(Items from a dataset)

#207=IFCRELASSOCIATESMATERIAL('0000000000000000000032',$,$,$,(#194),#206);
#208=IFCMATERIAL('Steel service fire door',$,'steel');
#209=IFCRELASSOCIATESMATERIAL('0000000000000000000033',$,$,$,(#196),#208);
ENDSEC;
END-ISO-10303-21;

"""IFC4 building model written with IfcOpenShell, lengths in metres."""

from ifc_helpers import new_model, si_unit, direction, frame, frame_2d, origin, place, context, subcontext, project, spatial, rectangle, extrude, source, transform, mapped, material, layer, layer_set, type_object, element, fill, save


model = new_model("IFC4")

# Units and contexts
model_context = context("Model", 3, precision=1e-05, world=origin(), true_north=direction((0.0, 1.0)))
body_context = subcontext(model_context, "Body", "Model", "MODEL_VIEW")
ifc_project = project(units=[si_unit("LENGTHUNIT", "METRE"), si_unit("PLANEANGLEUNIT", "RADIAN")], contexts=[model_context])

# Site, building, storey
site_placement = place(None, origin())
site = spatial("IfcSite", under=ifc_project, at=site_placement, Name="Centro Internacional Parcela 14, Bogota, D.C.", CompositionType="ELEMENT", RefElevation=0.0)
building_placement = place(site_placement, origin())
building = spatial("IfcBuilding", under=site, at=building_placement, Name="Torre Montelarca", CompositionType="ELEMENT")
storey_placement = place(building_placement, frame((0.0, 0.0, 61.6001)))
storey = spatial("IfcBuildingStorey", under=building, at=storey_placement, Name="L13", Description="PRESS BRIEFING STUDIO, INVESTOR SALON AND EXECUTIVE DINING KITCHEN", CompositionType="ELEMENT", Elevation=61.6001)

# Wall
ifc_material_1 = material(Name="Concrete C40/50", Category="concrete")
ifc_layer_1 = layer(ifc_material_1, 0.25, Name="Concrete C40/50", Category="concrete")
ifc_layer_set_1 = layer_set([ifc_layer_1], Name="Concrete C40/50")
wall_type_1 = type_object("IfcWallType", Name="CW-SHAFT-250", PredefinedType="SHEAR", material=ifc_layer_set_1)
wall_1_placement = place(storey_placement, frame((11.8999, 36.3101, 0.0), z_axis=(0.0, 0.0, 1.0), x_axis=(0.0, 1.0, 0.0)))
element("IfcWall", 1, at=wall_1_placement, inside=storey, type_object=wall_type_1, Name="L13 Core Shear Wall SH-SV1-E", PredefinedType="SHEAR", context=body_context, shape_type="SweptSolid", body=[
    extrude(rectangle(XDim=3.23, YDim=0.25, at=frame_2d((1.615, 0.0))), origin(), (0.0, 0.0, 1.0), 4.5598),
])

• **Assignment**
Please give each line above again, word for word.

• **Written reply**
#207=IFCRELASSOCIATESMATERIAL('0000000000000000000032',$,$,$,(#194),#206);
#208=IFCMATERIAL('Steel service fire door',$,'steel');
#209=IFCRELASSOCIATESMATERIAL('0000000000000000000033',$,$,$,(#196),#208);
ENDSEC;
END-ISO-10303-21;

"""IFC4 building model written with IfcOpenShell, lengths in metres."""

from ifc_helpers import new_model, si_unit, direction, frame, frame_2d, origin, place, context, subcontext, project, spatial, rectangle, extrude, source, transform, mapped, material, layer, layer_set, type_object, element, fill, save


model = new_model("IFC4")

# Units and contexts
model_context = context("Model", 3, precision=1e-05, world=origin(), true_north=direction((0.0, 1.0)))
body_context = subcontext(model_context, "Body", "Model", "MODEL_VIEW")
ifc_project = project(units=[si_unit("LENGTHUNIT", "METRE"), si_unit("PLANEANGLEUNIT", "RADIAN")], contexts=[model_context])

# Site, building, storey
site_placement = place(None, origin())
site = spatial("IfcSite", under=ifc_project, at=site_placement, Name="Centro Internacional Parcela 14, Bogota, D.C.", CompositionType="ELEMENT", RefElevation=0.0)
building_placement = place(site_placement, origin())
building = spatial("IfcBuilding", under=site, at=building_placement, Name="Torre Montelarca", CompositionType="ELEMENT")
storey_placement = place(building_placement, frame((0.0, 0.0, 61.6001)))
storey = spatial("IfcBuildingStorey", under=building, at=storey_placement, Name="L13", Description="PRESS BRIEFING STUDIO, INVESTOR SALON AND EXECUTIVE DINING KITCHEN", CompositionType="ELEMENT", Elevation=61.6001)

# Wall
ifc_material_1 = material(Name="Concrete C40/50", Category="concrete")
ifc_layer_1 = layer(ifc_material_1, 0.25, Name="Concrete C40/50", Category="concrete")
ifc_layer_set_1 = layer_set([ifc_layer_1], Name="Concrete C40/50")
wall_type_1 = type_object("IfcWallType", Name="CW-SHAFT-250", PredefinedType="SHEAR", material=ifc_layer_set_1)
wall_1_placement = place(storey_placement, frame((11.8999, 36.3101, 0.0), z_axis=(0.0, 0.0, 1.0), x_axis=(0.0, 1.0, 0.0)))
element("IfcWall", 1, at=wall_1_placement, inside=storey, type_object=wall_type_1, Name="L13 Core Shear Wall SH-SV1-E", PredefinedType="SHEAR", context=body_context, shape_type="SweptSolid", body=[
    extrude(rectangle(XDim=3.23, YDim=0.25, at=frame_2d((1.615, 0.0))), origin(), (0.0, 0.0, 1.0), 4.5598),
])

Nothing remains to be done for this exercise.